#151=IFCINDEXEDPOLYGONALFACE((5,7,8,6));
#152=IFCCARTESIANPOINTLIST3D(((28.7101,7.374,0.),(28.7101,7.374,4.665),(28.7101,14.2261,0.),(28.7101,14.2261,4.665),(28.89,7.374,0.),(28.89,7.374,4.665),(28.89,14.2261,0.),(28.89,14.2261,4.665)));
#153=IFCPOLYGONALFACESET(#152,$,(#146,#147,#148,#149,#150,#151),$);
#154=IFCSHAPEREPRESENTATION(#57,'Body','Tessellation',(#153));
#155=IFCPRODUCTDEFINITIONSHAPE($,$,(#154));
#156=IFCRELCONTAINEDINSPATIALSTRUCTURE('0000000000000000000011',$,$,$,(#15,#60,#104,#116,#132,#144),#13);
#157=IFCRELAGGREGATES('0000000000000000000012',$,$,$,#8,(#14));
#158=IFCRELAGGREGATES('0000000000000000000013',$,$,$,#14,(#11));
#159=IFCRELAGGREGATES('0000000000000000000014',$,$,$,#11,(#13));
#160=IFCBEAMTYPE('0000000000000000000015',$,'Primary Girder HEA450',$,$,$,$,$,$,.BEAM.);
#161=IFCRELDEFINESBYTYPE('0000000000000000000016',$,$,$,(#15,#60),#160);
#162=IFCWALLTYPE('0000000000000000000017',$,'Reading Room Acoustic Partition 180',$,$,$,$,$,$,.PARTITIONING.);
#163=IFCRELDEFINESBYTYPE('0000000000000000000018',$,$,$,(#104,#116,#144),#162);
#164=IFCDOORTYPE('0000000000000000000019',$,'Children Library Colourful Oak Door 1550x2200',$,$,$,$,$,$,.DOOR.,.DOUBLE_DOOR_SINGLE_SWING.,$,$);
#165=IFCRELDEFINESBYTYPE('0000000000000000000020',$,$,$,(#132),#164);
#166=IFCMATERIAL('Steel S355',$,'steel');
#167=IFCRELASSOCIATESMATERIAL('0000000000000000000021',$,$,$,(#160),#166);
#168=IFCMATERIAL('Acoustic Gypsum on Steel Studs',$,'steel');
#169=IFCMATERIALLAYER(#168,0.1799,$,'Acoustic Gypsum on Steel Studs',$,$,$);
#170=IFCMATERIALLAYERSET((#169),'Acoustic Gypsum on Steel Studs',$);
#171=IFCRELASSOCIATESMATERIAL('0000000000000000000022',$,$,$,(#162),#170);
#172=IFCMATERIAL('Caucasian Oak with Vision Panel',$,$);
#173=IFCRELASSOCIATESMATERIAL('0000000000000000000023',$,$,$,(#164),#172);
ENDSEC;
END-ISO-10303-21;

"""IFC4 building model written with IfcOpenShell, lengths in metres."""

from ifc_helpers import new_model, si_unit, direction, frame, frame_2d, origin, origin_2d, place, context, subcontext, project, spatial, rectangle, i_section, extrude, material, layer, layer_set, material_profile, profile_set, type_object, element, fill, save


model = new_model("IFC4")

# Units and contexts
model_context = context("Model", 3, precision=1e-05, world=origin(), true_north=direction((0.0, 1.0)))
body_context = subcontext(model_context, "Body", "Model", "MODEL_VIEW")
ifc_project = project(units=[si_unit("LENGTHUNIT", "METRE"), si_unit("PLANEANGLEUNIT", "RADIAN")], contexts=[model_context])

──────────

**Task brief:** If a line in the records above has the word "direction", copy it out.

**Solution:**
from ifc_helpers import new_model, si_unit, direction, frame, frame_2d, origin, origin_2d, place, context, subcontext, project, spatial, rectangle, i_section, extrude, material, layer, layer_set, material_profile, profile_set, type_object, element, fill, save
model_context = context("Model", 3, precision=1e-05, world=origin(), true_north=direction((0.0, 1.0)))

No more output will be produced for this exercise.